[Dataset entries]
........
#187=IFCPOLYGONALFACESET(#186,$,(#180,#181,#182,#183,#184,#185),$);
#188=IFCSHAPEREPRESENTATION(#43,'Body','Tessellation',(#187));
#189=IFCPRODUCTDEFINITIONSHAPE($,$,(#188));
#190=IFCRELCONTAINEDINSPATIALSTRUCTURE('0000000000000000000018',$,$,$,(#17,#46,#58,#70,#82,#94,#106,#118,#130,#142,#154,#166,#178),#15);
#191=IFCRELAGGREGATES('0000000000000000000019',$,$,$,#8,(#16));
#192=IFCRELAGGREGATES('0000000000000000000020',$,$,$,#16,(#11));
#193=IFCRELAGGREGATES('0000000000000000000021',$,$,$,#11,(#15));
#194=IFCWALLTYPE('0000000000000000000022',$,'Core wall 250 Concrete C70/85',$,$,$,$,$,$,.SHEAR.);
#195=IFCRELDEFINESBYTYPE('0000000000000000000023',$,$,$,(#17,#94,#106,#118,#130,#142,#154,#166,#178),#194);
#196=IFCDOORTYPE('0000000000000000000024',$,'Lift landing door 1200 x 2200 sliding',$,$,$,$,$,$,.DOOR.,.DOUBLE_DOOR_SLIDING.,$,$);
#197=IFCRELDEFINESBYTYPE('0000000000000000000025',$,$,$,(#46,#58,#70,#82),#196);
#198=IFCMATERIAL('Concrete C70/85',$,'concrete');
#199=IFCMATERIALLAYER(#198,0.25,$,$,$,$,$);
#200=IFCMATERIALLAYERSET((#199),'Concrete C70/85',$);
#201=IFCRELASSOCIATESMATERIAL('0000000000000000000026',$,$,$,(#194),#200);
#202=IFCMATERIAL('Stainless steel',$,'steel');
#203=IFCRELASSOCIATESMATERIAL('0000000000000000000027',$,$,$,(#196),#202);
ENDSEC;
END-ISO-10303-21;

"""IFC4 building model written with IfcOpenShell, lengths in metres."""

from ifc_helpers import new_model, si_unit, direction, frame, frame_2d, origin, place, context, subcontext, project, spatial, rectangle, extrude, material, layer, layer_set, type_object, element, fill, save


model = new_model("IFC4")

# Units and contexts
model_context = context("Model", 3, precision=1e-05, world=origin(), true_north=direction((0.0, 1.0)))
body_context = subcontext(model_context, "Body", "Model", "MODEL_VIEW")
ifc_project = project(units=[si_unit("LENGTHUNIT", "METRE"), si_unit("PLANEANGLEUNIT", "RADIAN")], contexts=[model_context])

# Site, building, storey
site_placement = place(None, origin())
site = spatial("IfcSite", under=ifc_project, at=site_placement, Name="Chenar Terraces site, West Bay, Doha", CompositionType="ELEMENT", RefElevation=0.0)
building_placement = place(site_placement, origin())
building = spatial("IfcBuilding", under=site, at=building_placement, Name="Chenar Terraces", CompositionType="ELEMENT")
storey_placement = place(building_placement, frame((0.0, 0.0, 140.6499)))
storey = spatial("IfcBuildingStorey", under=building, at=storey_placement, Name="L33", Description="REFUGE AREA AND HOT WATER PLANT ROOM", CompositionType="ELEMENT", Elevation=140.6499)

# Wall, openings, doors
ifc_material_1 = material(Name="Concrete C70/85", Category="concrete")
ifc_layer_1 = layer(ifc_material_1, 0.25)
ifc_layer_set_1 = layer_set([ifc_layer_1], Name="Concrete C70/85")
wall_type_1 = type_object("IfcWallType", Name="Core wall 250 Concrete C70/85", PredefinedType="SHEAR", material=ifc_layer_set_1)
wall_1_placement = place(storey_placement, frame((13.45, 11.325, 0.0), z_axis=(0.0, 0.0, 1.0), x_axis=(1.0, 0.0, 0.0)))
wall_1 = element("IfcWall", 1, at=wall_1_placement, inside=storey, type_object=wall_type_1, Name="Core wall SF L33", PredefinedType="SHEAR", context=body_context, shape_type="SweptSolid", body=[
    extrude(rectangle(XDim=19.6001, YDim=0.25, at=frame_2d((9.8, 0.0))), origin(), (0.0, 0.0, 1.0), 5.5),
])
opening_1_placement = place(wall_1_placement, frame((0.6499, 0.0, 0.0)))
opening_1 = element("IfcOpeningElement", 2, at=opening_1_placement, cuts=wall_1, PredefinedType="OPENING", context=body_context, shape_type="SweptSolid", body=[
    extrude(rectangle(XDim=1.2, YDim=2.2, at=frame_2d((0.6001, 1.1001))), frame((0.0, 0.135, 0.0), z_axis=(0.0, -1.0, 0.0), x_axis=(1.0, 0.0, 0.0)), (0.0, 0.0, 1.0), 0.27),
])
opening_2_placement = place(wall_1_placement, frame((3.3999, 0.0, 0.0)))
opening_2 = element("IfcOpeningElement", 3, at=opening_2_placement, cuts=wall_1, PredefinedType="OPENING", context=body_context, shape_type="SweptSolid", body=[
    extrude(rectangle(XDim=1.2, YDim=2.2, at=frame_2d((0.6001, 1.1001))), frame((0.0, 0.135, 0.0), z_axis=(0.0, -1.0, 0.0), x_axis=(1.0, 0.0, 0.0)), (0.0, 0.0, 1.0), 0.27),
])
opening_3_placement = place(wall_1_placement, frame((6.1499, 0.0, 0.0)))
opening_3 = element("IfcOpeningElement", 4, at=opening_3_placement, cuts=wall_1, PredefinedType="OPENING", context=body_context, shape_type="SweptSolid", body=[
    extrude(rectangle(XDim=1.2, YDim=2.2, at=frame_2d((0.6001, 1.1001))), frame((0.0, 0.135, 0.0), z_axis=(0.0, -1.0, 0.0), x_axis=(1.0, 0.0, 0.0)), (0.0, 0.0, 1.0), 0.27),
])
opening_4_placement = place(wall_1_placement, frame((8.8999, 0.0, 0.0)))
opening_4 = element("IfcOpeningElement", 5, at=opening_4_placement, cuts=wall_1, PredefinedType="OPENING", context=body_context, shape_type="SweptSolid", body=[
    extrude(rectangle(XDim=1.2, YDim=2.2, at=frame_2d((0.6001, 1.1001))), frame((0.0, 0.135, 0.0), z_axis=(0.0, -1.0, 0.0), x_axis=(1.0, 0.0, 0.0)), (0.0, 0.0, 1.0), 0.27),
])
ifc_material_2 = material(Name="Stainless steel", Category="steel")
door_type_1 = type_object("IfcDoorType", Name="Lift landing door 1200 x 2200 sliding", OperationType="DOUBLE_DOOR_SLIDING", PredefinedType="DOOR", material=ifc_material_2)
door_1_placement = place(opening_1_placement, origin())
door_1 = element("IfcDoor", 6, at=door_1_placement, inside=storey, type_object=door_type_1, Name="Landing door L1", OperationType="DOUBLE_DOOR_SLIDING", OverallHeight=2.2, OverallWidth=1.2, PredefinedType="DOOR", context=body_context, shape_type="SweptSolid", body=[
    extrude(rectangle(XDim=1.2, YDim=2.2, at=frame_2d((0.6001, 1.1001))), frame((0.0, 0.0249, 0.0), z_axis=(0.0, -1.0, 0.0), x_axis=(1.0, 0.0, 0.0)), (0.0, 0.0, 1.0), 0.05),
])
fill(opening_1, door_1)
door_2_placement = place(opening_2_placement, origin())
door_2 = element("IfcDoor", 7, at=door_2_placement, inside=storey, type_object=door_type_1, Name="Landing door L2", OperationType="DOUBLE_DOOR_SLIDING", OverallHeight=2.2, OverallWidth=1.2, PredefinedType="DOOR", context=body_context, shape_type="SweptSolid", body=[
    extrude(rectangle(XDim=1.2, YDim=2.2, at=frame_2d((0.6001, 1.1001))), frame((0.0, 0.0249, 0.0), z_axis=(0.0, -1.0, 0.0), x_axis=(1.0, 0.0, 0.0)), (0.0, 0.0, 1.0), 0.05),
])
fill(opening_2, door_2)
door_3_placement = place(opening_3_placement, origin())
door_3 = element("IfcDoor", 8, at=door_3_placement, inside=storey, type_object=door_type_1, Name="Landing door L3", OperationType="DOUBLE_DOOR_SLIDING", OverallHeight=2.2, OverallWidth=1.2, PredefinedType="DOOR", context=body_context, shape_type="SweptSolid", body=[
........
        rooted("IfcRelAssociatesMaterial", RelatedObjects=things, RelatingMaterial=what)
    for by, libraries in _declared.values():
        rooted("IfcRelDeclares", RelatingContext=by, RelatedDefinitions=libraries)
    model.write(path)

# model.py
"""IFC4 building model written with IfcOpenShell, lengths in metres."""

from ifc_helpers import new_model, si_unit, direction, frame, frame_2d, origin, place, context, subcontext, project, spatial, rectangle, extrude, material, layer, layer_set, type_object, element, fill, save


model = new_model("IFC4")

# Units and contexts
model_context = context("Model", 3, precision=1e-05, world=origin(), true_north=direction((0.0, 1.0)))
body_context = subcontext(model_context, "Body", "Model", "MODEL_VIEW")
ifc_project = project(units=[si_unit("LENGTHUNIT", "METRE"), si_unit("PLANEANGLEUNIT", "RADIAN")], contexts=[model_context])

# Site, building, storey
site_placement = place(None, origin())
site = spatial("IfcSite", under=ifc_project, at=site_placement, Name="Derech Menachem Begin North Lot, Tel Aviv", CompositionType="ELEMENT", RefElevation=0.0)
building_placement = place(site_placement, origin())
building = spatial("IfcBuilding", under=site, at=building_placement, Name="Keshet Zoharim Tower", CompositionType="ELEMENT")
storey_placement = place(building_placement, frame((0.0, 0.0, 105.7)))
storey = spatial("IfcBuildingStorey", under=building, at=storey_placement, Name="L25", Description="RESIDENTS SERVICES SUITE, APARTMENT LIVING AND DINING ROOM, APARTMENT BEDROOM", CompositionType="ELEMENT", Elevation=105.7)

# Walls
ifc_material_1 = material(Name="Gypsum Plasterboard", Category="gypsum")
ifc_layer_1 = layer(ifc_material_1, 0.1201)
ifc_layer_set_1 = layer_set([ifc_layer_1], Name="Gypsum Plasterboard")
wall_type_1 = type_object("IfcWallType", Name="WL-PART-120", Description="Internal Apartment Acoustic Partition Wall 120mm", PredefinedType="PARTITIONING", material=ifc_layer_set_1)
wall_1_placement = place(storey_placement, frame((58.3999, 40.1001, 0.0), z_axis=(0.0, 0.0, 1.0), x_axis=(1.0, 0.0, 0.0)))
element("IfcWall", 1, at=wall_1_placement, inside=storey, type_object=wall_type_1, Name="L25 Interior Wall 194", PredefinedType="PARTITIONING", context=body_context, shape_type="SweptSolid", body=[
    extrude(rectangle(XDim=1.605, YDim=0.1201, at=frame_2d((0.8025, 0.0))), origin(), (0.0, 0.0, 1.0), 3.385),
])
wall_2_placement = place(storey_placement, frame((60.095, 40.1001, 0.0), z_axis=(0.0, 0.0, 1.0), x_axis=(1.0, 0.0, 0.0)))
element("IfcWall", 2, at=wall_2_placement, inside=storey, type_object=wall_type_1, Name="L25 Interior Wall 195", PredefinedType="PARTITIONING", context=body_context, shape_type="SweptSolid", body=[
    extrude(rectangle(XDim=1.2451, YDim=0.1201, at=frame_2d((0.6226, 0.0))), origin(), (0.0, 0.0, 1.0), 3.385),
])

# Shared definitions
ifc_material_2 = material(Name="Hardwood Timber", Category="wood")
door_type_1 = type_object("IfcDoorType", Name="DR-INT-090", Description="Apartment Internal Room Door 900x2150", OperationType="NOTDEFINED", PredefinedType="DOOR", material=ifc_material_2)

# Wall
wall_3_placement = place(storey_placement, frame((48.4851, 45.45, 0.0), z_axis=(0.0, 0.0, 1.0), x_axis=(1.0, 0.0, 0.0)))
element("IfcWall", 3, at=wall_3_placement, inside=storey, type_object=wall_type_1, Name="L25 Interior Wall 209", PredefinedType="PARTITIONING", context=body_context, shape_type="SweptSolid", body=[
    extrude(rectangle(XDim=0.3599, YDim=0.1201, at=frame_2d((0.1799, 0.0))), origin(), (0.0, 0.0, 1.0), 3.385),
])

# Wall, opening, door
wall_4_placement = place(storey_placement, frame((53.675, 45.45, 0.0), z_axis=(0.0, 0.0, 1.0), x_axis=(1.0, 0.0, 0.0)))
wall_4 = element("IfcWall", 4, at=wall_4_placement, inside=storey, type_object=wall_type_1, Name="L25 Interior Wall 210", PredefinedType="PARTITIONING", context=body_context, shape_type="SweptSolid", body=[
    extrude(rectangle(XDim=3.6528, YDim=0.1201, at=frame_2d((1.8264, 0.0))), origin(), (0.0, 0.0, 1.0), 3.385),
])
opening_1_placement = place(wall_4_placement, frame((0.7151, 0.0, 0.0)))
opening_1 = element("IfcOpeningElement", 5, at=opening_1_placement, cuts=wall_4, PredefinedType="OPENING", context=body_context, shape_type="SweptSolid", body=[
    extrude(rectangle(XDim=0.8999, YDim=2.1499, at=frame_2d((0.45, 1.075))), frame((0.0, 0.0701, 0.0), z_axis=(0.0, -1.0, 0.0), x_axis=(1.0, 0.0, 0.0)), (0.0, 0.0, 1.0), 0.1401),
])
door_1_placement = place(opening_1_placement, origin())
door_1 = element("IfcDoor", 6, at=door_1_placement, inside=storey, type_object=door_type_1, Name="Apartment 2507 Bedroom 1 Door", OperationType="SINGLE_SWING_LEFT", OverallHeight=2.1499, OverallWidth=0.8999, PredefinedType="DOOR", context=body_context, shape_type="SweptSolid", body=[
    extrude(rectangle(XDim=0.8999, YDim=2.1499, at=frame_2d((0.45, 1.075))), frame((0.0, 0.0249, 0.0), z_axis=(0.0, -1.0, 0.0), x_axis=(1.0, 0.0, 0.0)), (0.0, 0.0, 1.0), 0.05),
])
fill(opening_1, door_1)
........
• [WORK REQUIRED] From the records, copy every line that has the string "cuts" in it.

• [SOLUTION FOR THIS EXERCISE]
opening_1 = element("IfcOpeningElement", 2, at=opening_1_placement, cuts=wall_1, PredefinedType="OPENING", context=body_context, shape_type="SweptSolid", body=[
opening_2 = element("IfcOpeningElement", 3, at=opening_2_placement, cuts=wall_1, PredefinedType="OPENING", context=body_context, shape_type="SweptSolid", body=[
opening_3 = element("IfcOpeningElement", 4, at=opening_3_placement, cuts=wall_1, PredefinedType="OPENING", context=body_context, shape_type="SweptSolid", body=[
opening_4 = element("IfcOpeningElement", 5, at=opening_4_placement, cuts=wall_1, PredefinedType="OPENING", context=body_context, shape_type="SweptSolid", body=[
opening_1 = element("IfcOpeningElement", 5, at=opening_1_placement, cuts=wall_4, PredefinedType="OPENING", context=body_context, shape_type="SweptSolid", body=[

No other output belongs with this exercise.